YOUR GOAL:
Read the records below and copy each line that contains "steel".
══ RECORDS SHOWN
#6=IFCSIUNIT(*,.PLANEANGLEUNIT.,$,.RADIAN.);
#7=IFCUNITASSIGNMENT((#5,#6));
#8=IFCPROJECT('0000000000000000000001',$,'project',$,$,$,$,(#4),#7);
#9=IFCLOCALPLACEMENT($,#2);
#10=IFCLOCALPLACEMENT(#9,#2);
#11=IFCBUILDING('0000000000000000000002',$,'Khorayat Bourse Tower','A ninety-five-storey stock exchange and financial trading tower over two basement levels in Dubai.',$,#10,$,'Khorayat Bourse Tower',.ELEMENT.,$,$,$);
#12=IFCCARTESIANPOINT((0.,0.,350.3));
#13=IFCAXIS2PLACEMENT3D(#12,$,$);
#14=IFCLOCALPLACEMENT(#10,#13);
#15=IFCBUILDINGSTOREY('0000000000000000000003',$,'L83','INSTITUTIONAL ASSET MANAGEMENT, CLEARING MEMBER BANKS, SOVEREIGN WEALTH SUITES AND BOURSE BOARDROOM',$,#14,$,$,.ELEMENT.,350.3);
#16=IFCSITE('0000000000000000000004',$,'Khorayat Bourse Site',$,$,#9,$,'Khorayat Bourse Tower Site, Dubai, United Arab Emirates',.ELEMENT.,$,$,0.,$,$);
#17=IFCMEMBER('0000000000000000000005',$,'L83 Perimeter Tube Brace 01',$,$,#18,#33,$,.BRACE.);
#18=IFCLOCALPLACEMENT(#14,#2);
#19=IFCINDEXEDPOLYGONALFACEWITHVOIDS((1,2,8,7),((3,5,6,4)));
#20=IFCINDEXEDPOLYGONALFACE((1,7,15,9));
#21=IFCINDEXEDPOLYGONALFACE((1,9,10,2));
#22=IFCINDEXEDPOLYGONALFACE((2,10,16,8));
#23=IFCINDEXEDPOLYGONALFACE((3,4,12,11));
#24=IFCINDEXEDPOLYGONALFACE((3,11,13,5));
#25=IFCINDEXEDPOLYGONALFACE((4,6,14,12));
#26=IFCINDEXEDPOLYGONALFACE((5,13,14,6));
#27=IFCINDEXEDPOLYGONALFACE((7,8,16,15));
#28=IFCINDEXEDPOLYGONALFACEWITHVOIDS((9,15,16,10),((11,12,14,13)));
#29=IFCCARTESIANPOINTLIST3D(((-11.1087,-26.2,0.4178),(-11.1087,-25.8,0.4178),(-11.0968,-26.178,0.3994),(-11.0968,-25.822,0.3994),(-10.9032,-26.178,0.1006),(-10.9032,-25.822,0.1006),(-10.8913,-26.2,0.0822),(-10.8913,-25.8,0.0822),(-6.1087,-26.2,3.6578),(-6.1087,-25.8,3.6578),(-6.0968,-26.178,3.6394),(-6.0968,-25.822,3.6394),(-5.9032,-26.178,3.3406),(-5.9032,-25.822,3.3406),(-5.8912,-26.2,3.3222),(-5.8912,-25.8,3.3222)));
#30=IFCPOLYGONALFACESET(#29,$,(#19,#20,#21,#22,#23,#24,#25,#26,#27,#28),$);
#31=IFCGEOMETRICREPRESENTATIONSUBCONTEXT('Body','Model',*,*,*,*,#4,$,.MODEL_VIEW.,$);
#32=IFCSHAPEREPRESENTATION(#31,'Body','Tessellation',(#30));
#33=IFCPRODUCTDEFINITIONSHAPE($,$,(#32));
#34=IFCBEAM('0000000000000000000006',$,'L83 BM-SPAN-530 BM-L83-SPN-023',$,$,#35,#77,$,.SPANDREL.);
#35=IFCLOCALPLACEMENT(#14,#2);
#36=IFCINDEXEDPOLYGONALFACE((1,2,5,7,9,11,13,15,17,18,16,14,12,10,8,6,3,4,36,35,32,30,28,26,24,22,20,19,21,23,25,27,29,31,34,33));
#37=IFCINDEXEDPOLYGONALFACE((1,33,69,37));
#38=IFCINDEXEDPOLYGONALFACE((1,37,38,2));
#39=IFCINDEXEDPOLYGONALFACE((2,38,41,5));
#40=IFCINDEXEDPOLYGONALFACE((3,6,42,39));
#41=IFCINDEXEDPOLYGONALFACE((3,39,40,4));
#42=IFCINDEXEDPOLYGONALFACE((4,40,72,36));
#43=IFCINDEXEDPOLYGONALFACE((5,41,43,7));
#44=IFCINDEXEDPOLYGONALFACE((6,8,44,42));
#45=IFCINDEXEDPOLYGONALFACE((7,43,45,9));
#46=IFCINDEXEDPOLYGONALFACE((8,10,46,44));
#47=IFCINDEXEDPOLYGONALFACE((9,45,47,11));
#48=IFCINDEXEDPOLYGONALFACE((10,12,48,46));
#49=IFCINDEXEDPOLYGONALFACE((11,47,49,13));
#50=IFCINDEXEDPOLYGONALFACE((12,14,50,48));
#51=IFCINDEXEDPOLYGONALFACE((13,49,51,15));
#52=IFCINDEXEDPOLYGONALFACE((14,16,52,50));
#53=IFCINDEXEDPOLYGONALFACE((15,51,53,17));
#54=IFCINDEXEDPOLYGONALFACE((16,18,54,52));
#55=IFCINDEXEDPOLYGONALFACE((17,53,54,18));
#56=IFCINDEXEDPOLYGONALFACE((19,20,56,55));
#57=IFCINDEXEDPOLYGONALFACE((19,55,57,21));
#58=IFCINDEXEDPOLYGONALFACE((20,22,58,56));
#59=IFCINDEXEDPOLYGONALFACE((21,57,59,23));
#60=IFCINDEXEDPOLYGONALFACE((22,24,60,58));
════
══ RECORDS SHOWN
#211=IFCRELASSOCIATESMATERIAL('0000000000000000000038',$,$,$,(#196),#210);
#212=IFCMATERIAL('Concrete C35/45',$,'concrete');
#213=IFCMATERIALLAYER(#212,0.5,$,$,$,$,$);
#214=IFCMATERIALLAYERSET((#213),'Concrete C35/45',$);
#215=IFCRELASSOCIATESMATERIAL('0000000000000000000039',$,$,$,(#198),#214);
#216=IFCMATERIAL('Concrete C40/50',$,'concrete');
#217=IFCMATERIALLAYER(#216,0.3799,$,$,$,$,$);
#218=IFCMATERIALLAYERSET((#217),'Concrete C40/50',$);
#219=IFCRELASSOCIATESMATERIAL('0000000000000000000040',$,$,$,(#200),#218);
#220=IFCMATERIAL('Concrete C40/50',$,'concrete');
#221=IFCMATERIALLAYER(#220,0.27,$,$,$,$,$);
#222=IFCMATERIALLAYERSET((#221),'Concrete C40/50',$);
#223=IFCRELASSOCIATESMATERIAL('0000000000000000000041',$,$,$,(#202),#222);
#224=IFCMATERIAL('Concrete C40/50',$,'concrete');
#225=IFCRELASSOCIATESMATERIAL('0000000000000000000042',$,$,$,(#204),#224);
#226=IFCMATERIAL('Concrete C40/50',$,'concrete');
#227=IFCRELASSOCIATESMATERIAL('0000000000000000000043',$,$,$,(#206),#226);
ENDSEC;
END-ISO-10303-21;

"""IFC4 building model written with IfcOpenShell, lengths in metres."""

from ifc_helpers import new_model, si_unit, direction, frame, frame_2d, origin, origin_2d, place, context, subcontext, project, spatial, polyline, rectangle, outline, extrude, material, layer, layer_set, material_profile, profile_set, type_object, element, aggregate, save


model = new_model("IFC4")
════
══ RECORDS SHOWN
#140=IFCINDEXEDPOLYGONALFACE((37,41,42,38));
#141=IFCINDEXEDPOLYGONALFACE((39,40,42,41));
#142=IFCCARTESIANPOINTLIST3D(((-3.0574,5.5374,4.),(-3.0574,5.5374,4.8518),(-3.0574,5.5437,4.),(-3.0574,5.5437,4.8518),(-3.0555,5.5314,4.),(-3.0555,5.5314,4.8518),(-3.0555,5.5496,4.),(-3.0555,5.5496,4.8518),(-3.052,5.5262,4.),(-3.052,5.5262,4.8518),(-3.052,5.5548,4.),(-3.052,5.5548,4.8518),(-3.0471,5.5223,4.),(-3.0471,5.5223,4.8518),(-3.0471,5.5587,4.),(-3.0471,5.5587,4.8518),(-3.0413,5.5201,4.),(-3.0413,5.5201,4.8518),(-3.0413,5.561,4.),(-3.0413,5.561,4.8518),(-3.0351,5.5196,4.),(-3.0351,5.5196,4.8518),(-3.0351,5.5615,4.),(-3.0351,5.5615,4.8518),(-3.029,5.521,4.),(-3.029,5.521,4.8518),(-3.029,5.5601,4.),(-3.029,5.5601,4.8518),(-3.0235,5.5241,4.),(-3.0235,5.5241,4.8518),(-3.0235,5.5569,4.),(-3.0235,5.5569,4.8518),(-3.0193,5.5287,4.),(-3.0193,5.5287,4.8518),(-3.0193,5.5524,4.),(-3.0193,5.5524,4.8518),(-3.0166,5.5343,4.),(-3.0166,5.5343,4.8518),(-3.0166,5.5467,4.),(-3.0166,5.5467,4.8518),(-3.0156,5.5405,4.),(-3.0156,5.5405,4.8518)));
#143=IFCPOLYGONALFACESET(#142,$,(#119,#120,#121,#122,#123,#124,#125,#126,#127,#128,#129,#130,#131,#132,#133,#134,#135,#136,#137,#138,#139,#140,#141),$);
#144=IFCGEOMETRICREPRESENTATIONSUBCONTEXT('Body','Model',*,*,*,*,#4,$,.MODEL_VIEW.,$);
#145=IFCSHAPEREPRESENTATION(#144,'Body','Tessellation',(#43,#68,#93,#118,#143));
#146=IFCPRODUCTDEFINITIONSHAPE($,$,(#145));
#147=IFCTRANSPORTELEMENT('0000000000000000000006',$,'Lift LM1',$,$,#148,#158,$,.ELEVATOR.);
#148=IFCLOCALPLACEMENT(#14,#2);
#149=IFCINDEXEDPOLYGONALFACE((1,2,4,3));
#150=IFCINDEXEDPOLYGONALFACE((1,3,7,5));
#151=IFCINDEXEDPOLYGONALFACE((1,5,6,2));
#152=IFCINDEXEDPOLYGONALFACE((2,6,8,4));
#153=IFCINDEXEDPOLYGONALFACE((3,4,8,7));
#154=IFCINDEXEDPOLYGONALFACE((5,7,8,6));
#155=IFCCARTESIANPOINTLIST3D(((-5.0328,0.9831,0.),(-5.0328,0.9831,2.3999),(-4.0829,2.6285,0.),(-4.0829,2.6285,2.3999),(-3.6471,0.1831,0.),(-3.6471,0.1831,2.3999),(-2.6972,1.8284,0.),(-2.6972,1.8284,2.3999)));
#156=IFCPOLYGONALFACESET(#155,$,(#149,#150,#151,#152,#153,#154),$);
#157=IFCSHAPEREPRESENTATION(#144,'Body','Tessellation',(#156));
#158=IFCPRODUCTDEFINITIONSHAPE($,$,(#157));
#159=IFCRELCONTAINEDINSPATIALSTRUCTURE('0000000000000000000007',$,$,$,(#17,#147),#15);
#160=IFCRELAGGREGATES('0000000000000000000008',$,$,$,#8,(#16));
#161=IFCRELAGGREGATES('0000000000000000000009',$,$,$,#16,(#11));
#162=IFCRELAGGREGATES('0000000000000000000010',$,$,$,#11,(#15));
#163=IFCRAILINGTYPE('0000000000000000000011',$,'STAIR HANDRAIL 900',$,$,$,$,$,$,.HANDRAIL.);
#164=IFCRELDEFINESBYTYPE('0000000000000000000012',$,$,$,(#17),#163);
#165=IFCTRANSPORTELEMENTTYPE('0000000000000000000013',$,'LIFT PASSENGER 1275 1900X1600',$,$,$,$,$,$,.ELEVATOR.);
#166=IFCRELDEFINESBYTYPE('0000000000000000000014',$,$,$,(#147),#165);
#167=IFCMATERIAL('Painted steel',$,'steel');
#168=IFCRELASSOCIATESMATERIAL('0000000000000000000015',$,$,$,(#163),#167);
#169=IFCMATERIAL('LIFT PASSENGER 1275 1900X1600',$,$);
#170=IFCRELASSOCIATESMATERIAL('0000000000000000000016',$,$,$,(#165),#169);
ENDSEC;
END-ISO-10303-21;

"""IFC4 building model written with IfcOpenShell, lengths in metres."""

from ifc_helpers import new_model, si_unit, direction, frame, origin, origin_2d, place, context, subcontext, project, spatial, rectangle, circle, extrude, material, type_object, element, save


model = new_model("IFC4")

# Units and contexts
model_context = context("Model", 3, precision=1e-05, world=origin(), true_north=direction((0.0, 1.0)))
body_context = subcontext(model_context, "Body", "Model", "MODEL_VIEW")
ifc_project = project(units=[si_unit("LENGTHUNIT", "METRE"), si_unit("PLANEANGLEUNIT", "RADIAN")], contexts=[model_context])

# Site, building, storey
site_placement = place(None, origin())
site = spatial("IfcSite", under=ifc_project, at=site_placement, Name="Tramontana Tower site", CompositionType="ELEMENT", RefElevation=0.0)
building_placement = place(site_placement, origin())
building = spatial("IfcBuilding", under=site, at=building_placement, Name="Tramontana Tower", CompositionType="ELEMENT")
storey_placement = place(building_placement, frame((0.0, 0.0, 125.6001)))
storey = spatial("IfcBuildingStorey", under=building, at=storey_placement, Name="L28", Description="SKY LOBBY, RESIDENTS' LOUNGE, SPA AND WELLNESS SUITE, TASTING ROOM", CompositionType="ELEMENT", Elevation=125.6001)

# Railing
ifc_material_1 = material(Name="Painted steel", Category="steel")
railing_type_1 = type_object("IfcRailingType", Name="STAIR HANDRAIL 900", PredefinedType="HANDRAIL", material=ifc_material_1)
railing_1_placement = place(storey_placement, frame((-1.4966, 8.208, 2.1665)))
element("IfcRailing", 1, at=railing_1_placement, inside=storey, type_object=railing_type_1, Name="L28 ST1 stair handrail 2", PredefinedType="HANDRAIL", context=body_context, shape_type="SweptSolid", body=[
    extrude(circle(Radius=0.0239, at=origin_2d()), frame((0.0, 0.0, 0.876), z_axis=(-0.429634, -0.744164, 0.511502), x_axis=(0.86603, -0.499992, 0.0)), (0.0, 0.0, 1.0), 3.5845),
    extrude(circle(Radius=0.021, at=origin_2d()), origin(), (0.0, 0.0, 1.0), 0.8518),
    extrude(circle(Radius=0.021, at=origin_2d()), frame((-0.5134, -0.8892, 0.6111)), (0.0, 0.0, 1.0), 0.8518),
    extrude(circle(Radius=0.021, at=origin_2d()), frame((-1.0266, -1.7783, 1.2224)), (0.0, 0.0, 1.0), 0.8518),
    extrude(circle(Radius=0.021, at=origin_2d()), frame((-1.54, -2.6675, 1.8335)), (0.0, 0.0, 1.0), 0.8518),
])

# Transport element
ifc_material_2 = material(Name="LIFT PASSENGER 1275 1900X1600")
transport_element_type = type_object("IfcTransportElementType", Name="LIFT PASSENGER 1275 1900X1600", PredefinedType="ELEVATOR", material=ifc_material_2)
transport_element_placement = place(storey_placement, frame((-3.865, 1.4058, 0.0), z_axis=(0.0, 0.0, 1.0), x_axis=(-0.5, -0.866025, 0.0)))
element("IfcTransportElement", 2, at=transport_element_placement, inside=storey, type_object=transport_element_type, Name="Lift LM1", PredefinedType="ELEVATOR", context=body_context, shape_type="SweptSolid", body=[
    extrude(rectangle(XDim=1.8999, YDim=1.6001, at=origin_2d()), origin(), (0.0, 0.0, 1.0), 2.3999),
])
════
EXERCISE OUTPUT:
#167=IFCMATERIAL('Painted steel',$,'steel');
ifc_material_1 = material(Name="Painted steel", Category="steel")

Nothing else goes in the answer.